**PROVIDED RECORDS:**
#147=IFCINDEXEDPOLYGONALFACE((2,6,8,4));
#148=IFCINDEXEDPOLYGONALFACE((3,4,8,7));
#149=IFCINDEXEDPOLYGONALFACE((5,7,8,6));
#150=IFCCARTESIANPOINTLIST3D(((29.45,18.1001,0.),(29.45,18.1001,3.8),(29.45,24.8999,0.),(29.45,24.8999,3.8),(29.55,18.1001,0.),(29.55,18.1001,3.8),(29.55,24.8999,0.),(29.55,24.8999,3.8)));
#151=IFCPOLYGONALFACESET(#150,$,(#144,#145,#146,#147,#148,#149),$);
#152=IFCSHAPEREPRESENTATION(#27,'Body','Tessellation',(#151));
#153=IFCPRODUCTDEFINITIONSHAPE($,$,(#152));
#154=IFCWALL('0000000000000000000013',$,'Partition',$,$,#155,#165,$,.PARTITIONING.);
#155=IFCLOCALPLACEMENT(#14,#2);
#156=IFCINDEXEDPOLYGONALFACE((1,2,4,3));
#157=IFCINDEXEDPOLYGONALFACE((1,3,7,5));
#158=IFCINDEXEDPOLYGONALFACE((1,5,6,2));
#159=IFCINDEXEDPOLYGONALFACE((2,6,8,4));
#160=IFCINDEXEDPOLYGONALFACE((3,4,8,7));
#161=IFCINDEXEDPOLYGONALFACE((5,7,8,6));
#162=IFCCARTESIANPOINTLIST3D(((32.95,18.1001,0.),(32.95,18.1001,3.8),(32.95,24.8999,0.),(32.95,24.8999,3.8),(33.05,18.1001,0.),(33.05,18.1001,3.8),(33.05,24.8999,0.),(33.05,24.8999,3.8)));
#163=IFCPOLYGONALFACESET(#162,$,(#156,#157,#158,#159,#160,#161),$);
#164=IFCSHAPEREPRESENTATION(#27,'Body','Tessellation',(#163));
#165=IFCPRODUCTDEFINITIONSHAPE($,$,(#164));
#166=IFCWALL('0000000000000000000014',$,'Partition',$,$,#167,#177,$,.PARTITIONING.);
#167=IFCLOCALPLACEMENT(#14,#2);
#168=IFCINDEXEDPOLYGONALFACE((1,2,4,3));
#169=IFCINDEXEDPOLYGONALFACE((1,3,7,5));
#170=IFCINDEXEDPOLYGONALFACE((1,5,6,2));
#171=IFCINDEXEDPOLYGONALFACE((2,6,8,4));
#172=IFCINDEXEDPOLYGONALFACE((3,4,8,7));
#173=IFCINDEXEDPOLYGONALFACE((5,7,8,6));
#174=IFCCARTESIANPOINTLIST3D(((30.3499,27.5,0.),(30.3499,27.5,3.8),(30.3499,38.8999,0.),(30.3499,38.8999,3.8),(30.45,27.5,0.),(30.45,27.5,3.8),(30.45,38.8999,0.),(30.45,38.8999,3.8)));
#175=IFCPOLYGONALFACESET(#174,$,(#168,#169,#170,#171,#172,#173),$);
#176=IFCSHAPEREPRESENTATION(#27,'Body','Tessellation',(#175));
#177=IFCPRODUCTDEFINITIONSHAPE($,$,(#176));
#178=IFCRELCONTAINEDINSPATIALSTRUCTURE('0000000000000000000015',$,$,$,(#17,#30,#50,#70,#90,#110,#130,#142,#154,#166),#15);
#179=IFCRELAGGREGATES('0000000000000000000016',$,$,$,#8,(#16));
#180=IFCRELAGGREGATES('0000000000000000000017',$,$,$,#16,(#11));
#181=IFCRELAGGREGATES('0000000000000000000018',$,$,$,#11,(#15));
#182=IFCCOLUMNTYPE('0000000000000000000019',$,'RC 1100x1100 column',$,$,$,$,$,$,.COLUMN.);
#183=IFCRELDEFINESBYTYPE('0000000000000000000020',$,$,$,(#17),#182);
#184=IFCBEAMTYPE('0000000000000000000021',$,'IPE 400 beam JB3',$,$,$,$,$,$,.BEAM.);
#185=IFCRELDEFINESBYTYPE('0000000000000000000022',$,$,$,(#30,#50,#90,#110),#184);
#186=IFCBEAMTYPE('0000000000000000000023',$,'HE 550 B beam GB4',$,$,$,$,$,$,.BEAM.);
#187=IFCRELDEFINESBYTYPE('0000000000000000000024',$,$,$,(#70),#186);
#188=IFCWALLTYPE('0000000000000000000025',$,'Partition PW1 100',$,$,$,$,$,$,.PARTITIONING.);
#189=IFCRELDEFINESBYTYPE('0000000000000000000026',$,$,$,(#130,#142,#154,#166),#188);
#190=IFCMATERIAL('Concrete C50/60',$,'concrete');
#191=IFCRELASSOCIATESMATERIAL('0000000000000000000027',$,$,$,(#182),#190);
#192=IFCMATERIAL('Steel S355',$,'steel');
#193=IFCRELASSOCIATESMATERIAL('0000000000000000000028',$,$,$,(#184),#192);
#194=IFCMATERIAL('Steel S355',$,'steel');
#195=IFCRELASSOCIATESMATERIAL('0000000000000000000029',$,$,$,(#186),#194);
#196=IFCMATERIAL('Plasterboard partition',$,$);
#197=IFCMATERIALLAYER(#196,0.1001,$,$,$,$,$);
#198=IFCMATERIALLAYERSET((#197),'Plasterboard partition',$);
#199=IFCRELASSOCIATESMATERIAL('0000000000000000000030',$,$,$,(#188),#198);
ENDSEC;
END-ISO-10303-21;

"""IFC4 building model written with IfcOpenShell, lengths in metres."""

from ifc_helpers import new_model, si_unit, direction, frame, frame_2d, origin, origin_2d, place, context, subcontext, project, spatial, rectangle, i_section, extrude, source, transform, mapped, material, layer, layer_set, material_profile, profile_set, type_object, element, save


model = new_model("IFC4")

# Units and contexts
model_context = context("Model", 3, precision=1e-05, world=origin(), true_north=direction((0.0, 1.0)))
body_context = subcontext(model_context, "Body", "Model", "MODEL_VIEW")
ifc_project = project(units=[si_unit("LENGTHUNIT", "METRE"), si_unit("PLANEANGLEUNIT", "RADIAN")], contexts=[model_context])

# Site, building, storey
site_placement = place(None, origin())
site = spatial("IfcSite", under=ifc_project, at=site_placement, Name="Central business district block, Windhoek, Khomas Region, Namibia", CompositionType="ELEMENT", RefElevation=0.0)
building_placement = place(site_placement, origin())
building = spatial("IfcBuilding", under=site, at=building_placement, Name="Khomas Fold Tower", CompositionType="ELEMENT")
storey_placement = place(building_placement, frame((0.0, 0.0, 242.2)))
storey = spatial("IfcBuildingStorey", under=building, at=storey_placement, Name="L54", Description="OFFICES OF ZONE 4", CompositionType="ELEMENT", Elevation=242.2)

**WHAT YOU SHOULD DO:** Starting at the first line of the records, print each line exactly, stopping after the line that contains "#153=IFCPRODUCTDEFINITIONSHAPE($,$,(#152));".

**RESPONSE TO THE EXERCISE:**
#147=IFCINDEXEDPOLYGONALFACE((2,6,8,4));
#148=IFCINDEXEDPOLYGONALFACE((3,4,8,7));
#149=IFCINDEXEDPOLYGONALFACE((5,7,8,6));
#150=IFCCARTESIANPOINTLIST3D(((29.45,18.1001,0.),(29.45,18.1001,3.8),(29.45,24.8999,0.),(29.45,24.8999,3.8),(29.55,18.1001,0.),(29.55,18.1001,3.8),(29.55,24.8999,0.),(29.55,24.8999,3.8)));
#151=IFCPOLYGONALFACESET(#150,$,(#144,#145,#146,#147,#148,#149),$);
#152=IFCSHAPEREPRESENTATION(#27,'Body','Tessellation',(#151));
#153=IFCPRODUCTDEFINITIONSHAPE($,$,(#152));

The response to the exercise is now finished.